Collected data:
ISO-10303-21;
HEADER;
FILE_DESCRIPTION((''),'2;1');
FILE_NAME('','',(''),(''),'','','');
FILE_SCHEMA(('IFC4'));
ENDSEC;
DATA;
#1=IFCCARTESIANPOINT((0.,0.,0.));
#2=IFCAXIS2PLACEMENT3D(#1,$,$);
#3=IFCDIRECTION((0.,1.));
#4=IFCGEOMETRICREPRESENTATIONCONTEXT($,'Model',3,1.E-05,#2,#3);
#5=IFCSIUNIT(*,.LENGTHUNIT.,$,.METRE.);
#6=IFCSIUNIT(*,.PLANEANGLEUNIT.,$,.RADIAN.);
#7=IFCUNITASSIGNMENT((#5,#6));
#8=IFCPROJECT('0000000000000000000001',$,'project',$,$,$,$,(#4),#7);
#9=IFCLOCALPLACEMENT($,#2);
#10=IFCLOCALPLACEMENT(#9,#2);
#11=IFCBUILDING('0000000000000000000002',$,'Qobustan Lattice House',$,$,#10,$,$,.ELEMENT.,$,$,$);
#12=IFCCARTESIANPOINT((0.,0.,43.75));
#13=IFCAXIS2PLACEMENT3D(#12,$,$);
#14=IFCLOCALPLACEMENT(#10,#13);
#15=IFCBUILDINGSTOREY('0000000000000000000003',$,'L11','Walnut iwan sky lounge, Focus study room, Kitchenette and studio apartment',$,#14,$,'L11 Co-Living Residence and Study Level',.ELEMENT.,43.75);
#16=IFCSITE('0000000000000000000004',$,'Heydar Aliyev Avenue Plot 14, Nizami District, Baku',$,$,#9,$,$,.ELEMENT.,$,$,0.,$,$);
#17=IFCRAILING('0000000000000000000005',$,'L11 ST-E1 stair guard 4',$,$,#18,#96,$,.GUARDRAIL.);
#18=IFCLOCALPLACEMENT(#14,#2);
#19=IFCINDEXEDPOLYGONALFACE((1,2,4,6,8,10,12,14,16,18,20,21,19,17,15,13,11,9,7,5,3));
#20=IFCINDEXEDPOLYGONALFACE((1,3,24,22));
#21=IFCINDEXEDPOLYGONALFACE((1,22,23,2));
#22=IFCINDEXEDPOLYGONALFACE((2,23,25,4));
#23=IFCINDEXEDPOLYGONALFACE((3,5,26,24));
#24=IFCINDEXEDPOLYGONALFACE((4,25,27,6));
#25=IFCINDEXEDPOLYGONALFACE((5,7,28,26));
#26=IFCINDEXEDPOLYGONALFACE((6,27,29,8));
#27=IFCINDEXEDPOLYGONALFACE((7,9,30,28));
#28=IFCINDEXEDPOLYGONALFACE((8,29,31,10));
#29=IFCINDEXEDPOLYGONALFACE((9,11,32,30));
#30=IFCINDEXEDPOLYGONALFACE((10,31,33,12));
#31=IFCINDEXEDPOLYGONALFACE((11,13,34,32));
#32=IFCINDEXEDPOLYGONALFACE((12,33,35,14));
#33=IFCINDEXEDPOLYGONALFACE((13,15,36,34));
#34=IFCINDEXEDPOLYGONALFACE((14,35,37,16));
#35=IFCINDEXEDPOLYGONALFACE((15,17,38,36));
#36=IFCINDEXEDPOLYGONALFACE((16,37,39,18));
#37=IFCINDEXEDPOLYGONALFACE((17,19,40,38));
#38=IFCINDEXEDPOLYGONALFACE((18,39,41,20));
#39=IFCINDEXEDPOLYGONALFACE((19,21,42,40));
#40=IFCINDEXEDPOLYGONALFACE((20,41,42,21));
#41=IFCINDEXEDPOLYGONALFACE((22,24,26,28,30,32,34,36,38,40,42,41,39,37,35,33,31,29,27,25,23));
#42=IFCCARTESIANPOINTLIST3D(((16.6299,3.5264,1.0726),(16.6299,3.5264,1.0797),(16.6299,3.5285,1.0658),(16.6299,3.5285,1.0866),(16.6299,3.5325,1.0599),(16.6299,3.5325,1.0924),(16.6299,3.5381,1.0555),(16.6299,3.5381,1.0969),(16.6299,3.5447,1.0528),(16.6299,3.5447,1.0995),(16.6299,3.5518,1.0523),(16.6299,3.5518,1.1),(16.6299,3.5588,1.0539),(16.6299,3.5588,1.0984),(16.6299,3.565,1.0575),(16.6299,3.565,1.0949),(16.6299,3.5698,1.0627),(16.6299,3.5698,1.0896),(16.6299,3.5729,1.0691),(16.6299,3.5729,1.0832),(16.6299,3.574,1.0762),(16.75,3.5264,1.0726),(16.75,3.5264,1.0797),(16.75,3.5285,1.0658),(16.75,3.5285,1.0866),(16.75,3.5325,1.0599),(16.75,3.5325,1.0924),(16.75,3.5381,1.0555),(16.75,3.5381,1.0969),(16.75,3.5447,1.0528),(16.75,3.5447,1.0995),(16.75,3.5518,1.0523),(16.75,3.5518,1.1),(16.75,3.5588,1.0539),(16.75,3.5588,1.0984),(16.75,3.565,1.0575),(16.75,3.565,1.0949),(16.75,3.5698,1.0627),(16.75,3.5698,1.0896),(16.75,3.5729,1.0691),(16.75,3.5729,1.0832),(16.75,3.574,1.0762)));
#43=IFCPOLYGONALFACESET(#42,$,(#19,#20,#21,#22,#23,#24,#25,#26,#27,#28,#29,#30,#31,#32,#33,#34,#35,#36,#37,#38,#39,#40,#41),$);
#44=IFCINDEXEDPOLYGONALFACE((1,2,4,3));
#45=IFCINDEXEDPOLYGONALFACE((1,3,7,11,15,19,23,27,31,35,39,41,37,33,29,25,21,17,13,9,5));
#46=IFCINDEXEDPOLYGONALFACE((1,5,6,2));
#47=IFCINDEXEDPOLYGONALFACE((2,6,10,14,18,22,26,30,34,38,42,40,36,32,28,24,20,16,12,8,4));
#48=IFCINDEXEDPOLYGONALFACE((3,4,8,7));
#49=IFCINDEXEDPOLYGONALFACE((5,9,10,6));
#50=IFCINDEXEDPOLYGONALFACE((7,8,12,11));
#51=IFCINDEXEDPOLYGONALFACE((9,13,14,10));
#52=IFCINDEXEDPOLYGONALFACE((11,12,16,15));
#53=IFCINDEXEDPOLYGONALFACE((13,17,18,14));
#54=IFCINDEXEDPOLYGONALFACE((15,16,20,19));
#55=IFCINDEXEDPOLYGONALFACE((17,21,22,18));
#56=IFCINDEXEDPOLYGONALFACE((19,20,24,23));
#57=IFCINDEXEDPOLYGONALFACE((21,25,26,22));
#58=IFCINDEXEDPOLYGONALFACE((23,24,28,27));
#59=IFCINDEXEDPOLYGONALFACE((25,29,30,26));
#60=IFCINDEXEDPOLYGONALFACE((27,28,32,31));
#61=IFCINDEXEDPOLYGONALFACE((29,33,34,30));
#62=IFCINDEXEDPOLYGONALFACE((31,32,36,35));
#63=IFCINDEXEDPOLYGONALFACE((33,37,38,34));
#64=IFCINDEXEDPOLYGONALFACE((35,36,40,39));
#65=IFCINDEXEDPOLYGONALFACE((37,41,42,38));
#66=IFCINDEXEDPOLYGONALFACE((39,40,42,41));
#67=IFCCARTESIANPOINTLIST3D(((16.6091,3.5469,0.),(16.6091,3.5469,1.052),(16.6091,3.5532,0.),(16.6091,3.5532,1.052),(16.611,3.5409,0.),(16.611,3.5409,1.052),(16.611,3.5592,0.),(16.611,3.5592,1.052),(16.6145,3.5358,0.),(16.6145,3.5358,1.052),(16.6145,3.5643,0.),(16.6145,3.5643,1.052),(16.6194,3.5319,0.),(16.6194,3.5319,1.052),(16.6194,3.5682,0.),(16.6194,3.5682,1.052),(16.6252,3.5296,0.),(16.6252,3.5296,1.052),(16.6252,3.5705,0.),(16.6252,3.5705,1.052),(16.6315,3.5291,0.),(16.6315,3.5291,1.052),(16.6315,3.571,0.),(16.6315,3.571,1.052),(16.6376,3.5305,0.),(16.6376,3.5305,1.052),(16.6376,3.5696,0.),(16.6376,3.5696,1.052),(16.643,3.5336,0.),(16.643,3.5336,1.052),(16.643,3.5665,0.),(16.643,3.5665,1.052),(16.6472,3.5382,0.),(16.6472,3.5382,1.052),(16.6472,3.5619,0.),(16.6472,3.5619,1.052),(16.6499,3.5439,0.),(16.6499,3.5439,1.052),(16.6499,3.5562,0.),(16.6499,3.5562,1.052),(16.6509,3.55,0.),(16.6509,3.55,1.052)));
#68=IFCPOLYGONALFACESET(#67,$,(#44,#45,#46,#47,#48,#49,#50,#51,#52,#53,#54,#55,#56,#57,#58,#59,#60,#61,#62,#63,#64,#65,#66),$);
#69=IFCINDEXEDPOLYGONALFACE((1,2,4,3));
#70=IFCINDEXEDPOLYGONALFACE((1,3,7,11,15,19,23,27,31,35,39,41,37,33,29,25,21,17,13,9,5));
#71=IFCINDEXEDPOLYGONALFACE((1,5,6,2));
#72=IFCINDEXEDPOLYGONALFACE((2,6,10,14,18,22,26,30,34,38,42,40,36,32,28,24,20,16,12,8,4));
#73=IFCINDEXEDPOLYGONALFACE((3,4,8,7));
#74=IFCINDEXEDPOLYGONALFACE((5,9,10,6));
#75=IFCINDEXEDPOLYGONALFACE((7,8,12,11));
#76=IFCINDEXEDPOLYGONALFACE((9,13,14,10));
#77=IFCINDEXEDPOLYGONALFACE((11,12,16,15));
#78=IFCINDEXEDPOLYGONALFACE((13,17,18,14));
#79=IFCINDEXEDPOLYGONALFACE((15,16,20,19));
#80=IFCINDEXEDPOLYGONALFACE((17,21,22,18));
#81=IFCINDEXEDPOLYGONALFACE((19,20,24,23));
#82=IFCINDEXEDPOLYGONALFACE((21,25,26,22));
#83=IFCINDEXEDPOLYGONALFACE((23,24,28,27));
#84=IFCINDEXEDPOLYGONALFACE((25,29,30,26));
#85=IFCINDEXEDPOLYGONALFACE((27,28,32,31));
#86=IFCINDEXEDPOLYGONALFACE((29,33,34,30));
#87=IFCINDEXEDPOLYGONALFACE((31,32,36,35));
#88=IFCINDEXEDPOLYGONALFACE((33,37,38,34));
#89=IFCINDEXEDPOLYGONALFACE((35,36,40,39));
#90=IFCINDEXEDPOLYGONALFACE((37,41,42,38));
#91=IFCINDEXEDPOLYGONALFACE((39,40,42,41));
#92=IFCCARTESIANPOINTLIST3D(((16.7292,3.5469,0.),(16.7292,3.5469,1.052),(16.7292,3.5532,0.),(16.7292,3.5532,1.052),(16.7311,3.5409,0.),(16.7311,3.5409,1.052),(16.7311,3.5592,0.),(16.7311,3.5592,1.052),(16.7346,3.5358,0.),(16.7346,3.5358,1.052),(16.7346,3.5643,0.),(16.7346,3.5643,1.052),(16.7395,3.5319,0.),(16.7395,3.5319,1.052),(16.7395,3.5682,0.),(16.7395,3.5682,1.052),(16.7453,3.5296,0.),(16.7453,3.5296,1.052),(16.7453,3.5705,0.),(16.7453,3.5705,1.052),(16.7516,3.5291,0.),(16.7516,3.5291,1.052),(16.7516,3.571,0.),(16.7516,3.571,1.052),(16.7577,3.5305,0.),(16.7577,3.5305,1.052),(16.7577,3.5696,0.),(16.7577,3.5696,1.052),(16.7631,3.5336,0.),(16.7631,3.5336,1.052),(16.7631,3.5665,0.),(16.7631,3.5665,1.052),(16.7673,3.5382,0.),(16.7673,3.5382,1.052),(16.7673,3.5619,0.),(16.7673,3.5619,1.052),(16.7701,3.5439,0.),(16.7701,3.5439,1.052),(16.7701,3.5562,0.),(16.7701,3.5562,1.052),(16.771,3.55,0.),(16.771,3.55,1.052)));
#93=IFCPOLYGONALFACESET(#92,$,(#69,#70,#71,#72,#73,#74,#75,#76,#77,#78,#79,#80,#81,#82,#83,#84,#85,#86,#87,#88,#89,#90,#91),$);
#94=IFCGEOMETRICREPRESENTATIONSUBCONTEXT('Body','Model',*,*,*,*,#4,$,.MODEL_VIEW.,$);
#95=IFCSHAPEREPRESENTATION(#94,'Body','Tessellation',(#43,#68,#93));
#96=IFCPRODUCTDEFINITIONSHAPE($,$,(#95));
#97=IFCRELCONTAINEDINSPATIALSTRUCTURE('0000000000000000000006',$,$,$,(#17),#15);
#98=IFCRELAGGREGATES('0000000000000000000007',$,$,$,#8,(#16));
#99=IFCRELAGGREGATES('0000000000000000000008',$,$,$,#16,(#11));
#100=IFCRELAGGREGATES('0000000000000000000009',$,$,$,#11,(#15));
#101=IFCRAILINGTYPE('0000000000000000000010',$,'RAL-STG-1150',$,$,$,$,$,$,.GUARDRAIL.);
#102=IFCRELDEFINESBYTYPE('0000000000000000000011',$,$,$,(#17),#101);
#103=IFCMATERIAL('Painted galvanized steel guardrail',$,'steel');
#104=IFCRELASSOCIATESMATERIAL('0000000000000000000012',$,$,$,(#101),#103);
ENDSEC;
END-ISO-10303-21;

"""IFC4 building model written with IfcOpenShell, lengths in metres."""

from ifc_helpers import new_model, si_unit, direction, frame, origin, origin_2d, place, context, subcontext, project, spatial, circle, extrude, material, type_object, element, save


model = new_model("IFC4")

# Units and contexts
model_context = context("Model", 3, precision=1e-05, world=origin(), true_north=direction((0.0, 1.0)))
body_context = subcontext(model_context, "Body", "Model", "MODEL_VIEW")
ifc_project = project(units=[si_unit("LENGTHUNIT", "METRE"), si_unit("PLANEANGLEUNIT", "RADIAN")], contexts=[model_context])

# Site, building, storey
site_placement = place(None, origin())
site = spatial("IfcSite", under=ifc_project, at=site_placement, Name="Heydar Aliyev Avenue Plot 14, Nizami District, Baku", CompositionType="ELEMENT", RefElevation=0.0)
building_placement = place(site_placement, origin())
building = spatial("IfcBuilding", under=site, at=building_placement, Name="Qobustan Lattice House", CompositionType="ELEMENT")
storey_placement = place(building_placement, frame((0.0, 0.0, 43.75)))
storey = spatial("IfcBuildingStorey", under=building, at=storey_placement, Name="L11", Description="Walnut iwan sky lounge, Focus study room, Kitchenette and studio apartment", LongName="L11 Co-Living Residence and Study Level", CompositionType="ELEMENT", Elevation=43.75)

# Railing
ifc_material_1 = material(Name="Painted galvanized steel guardrail", Category="steel")
railing_type_1 = type_object("IfcRailingType", Name="RAL-STG-1150", PredefinedType="GUARDRAIL", material=ifc_material_1)
railing_1_placement = place(storey_placement, frame((16.6299, 3.55, 0.0)))
element("IfcRailing", 1, at=railing_1_placement, inside=storey, type_object=railing_type_1, Name="L11 ST-E1 stair guard 4", PredefinedType="GUARDRAIL", context=body_context, shape_type="SweptSolid", body=[
    extrude(circle(Radius=0.0239, at=origin_2d()), frame((0.0, 0.0, 1.0762), z_axis=(1.0, 0.0, 0.0), x_axis=(0.0, 1.0, 0.0)), (0.0, 0.0, 1.0), 0.1201),
    extrude(circle(Radius=0.021, at=origin_2d()), origin(), (0.0, 0.0, 1.0), 1.052),
    extrude(circle(Radius=0.021, at=origin_2d()), frame((0.1201, 0.0, 0.0)), (0.0, 0.0, 1.0), 1.052),
])

save(model, "model.ifc")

[Work required] In the records, count every line that includes "IFCLOCALPLACEMENT" and give the count alone.

[Result of this exercise] 4